What is expected
This exercise needs the complete data reproduced exactly.

The input
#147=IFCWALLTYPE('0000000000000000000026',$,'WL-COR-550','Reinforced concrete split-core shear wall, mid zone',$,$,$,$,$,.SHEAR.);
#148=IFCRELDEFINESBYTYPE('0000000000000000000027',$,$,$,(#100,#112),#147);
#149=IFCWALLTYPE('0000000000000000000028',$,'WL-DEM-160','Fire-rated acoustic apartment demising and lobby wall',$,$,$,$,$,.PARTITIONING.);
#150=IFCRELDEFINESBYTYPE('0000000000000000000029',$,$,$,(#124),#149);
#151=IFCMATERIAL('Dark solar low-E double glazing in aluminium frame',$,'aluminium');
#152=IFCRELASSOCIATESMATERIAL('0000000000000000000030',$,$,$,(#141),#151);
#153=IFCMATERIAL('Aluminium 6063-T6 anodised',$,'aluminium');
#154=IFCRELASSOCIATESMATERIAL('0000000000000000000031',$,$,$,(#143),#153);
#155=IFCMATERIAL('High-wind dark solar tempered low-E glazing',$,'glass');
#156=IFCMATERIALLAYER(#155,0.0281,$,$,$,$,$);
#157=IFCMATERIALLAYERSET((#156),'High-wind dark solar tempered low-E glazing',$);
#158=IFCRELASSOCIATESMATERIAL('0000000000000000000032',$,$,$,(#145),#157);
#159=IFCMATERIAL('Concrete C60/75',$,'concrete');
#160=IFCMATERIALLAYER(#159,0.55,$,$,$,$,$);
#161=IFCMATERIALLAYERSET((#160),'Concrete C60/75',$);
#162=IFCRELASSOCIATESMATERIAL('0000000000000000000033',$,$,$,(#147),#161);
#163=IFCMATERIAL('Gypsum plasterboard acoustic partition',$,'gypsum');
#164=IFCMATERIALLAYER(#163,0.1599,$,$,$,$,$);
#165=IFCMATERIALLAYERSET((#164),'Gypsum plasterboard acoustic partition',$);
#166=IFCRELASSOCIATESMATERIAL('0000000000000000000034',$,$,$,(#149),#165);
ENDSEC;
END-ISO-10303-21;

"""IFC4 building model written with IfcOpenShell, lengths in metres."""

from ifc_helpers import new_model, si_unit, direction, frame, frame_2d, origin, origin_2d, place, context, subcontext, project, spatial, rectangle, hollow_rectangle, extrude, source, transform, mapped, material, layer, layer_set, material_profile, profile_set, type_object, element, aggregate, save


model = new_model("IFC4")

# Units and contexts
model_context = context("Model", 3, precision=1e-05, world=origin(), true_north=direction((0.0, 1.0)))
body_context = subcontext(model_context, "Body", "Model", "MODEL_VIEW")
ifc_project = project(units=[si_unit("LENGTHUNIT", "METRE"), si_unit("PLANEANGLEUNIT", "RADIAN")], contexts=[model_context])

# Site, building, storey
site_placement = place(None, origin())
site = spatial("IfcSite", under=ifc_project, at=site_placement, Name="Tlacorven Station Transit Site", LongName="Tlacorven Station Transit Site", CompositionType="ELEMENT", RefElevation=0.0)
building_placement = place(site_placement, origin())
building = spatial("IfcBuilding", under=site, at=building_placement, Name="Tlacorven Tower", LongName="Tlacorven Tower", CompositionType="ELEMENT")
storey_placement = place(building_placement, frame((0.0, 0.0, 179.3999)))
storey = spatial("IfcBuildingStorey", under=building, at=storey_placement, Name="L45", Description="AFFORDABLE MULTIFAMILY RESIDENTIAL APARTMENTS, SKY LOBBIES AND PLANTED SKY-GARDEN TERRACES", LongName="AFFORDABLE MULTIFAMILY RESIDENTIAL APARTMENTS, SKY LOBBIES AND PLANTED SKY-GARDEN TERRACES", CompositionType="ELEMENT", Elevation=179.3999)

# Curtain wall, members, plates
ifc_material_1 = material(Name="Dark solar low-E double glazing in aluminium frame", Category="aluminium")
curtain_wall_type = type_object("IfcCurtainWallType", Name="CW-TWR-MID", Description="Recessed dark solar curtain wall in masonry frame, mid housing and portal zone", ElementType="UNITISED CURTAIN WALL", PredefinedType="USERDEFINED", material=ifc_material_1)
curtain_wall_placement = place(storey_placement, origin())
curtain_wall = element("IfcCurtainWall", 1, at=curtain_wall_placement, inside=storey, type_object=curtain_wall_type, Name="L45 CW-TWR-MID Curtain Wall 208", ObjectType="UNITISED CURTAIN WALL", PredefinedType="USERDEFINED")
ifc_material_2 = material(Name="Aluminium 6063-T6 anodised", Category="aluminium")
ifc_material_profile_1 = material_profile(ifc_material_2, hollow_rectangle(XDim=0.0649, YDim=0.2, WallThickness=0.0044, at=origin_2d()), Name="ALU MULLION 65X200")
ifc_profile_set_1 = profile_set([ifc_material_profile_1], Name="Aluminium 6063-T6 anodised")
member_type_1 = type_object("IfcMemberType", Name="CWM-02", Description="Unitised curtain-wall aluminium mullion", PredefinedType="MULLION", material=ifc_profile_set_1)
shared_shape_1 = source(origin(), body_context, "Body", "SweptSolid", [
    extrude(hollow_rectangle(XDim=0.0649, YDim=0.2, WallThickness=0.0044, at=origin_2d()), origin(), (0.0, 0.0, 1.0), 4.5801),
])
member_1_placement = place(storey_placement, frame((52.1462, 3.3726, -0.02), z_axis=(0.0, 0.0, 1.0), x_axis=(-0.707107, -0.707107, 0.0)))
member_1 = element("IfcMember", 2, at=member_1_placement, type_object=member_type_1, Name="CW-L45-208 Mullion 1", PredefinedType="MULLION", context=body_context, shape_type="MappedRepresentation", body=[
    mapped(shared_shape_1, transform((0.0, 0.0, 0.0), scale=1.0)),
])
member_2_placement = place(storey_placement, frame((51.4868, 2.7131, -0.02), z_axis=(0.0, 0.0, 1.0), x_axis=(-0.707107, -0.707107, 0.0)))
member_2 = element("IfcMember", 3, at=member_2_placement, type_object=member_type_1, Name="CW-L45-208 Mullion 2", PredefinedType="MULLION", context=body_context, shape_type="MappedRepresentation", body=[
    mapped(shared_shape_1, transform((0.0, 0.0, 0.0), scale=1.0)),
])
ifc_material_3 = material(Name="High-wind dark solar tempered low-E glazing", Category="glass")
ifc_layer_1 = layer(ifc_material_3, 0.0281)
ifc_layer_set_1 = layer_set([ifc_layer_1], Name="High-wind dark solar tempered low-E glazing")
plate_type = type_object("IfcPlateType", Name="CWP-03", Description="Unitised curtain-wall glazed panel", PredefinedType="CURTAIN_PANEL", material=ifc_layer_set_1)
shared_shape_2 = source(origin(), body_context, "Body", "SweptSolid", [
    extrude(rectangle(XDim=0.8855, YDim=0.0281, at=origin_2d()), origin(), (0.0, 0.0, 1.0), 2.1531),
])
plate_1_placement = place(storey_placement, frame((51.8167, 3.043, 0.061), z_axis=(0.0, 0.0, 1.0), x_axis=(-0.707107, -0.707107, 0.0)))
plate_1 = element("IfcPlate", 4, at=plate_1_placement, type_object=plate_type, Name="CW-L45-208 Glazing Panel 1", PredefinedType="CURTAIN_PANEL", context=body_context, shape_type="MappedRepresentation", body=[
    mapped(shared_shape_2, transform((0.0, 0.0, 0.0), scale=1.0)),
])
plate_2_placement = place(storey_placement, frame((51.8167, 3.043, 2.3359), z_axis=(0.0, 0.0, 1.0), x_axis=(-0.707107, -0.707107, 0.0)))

Solution for this task
#147=IFCWALLTYPE('0000000000000000000026',$,'WL-COR-550','Reinforced concrete split-core shear wall, mid zone',$,$,$,$,$,.SHEAR.);
#148=IFCRELDEFINESBYTYPE('0000000000000000000027',$,$,$,(#100,#112),#147);
#149=IFCWALLTYPE('0000000000000000000028',$,'WL-DEM-160','Fire-rated acoustic apartment demising and lobby wall',$,$,$,$,$,.PARTITIONING.);
#150=IFCRELDEFINESBYTYPE('0000000000000000000029',$,$,$,(#124),#149);
#151=IFCMATERIAL('Dark solar low-E double glazing in aluminium frame',$,'aluminium');
#152=IFCRELASSOCIATESMATERIAL('0000000000000000000030',$,$,$,(#141),#151);
#153=IFCMATERIAL('Aluminium 6063-T6 anodised',$,'aluminium');
#154=IFCRELASSOCIATESMATERIAL('0000000000000000000031',$,$,$,(#143),#153);
#155=IFCMATERIAL('High-wind dark solar tempered low-E glazing',$,'glass');
#156=IFCMATERIALLAYER(#155,0.0281,$,$,$,$,$);
#157=IFCMATERIALLAYERSET((#156),'High-wind dark solar tempered low-E glazing',$);
#158=IFCRELASSOCIATESMATERIAL('0000000000000000000032',$,$,$,(#145),#157);
#159=IFCMATERIAL('Concrete C60/75',$,'concrete');
#160=IFCMATERIALLAYER(#159,0.55,$,$,$,$,$);
#161=IFCMATERIALLAYERSET((#160),'Concrete C60/75',$);
#162=IFCRELASSOCIATESMATERIAL('0000000000000000000033',$,$,$,(#147),#161);
#163=IFCMATERIAL('Gypsum plasterboard acoustic partition',$,'gypsum');
#164=IFCMATERIALLAYER(#163,0.1599,$,$,$,$,$);
#165=IFCMATERIALLAYERSET((#164),'Gypsum plasterboard acoustic partition',$);
#166=IFCRELASSOCIATESMATERIAL('0000000000000000000034',$,$,$,(#149),#165);
ENDSEC;
END-ISO-10303-21;

"""IFC4 building model written with IfcOpenShell, lengths in metres."""

from ifc_helpers import new_model, si_unit, direction, frame, frame_2d, origin, origin_2d, place, context, subcontext, project, spatial, rectangle, hollow_rectangle, extrude, source, transform, mapped, material, layer, layer_set, material_profile, profile_set, type_object, element, aggregate, save


model = new_model("IFC4")

# Units and contexts
model_context = context("Model", 3, precision=1e-05, world=origin(), true_north=direction((0.0, 1.0)))
body_context = subcontext(model_context, "Body", "Model", "MODEL_VIEW")
ifc_project = project(units=[si_unit("LENGTHUNIT", "METRE"), si_unit("PLANEANGLEUNIT", "RADIAN")], contexts=[model_context])

# Site, building, storey
site_placement = place(None, origin())
site = spatial("IfcSite", under=ifc_project, at=site_placement, Name="Tlacorven Station Transit Site", LongName="Tlacorven Station Transit Site", CompositionType="ELEMENT", RefElevation=0.0)
building_placement = place(site_placement, origin())
building = spatial("IfcBuilding", under=site, at=building_placement, Name="Tlacorven Tower", LongName="Tlacorven Tower", CompositionType="ELEMENT")
storey_placement = place(building_placement, frame((0.0, 0.0, 179.3999)))
storey = spatial("IfcBuildingStorey", under=building, at=storey_placement, Name="L45", Description="AFFORDABLE MULTIFAMILY RESIDENTIAL APARTMENTS, SKY LOBBIES AND PLANTED SKY-GARDEN TERRACES", LongName="AFFORDABLE MULTIFAMILY RESIDENTIAL APARTMENTS, SKY LOBBIES AND PLANTED SKY-GARDEN TERRACES", CompositionType="ELEMENT", Elevation=179.3999)

# Curtain wall, members, plates
ifc_material_1 = material(Name="Dark solar low-E double glazing in aluminium frame", Category="aluminium")
curtain_wall_type = type_object("IfcCurtainWallType", Name="CW-TWR-MID", Description="Recessed dark solar curtain wall in masonry frame, mid housing and portal zone", ElementType="UNITISED CURTAIN WALL", PredefinedType="USERDEFINED", material=ifc_material_1)
curtain_wall_placement = place(storey_placement, origin())
curtain_wall = element("IfcCurtainWall", 1, at=curtain_wall_placement, inside=storey, type_object=curtain_wall_type, Name="L45 CW-TWR-MID Curtain Wall 208", ObjectType="UNITISED CURTAIN WALL", PredefinedType="USERDEFINED")
ifc_material_2 = material(Name="Aluminium 6063-T6 anodised", Category="aluminium")
ifc_material_profile_1 = material_profile(ifc_material_2, hollow_rectangle(XDim=0.0649, YDim=0.2, WallThickness=0.0044, at=origin_2d()), Name="ALU MULLION 65X200")
ifc_profile_set_1 = profile_set([ifc_material_profile_1], Name="Aluminium 6063-T6 anodised")
member_type_1 = type_object("IfcMemberType", Name="CWM-02", Description="Unitised curtain-wall aluminium mullion", PredefinedType="MULLION", material=ifc_profile_set_1)
shared_shape_1 = source(origin(), body_context, "Body", "SweptSolid", [
    extrude(hollow_rectangle(XDim=0.0649, YDim=0.2, WallThickness=0.0044, at=origin_2d()), origin(), (0.0, 0.0, 1.0), 4.5801),
])
member_1_placement = place(storey_placement, frame((52.1462, 3.3726, -0.02), z_axis=(0.0, 0.0, 1.0), x_axis=(-0.707107, -0.707107, 0.0)))
member_1 = element("IfcMember", 2, at=member_1_placement, type_object=member_type_1, Name="CW-L45-208 Mullion 1", PredefinedType="MULLION", context=body_context, shape_type="MappedRepresentation", body=[
    mapped(shared_shape_1, transform((0.0, 0.0, 0.0), scale=1.0)),
])
member_2_placement = place(storey_placement, frame((51.4868, 2.7131, -0.02), z_axis=(0.0, 0.0, 1.0), x_axis=(-0.707107, -0.707107, 0.0)))
member_2 = element("IfcMember", 3, at=member_2_placement, type_object=member_type_1, Name="CW-L45-208 Mullion 2", PredefinedType="MULLION", context=body_context, shape_type="MappedRepresentation", body=[
    mapped(shared_shape_1, transform((0.0, 0.0, 0.0), scale=1.0)),
])
ifc_material_3 = material(Name="High-wind dark solar tempered low-E glazing", Category="glass")
ifc_layer_1 = layer(ifc_material_3, 0.0281)
ifc_layer_set_1 = layer_set([ifc_layer_1], Name="High-wind dark solar tempered low-E glazing")
plate_type = type_object("IfcPlateType", Name="CWP-03", Description="Unitised curtain-wall glazed panel", PredefinedType="CURTAIN_PANEL", material=ifc_layer_set_1)
shared_shape_2 = source(origin(), body_context, "Body", "SweptSolid", [
    extrude(rectangle(XDim=0.8855, YDim=0.0281, at=origin_2d()), origin(), (0.0, 0.0, 1.0), 2.1531),
])
plate_1_placement = place(storey_placement, frame((51.8167, 3.043, 0.061), z_axis=(0.0, 0.0, 1.0), x_axis=(-0.707107, -0.707107, 0.0)))
plate_1 = element("IfcPlate", 4, at=plate_1_placement, type_object=plate_type, Name="CW-L45-208 Glazing Panel 1", PredefinedType="CURTAIN_PANEL", context=body_context, shape_type="MappedRepresentation", body=[
    mapped(shared_shape_2, transform((0.0, 0.0, 0.0), scale=1.0)),
])
plate_2_placement = place(storey_placement, frame((51.8167, 3.043, 2.3359), z_axis=(0.0, 0.0, 1.0), x_axis=(-0.707107, -0.707107, 0.0)))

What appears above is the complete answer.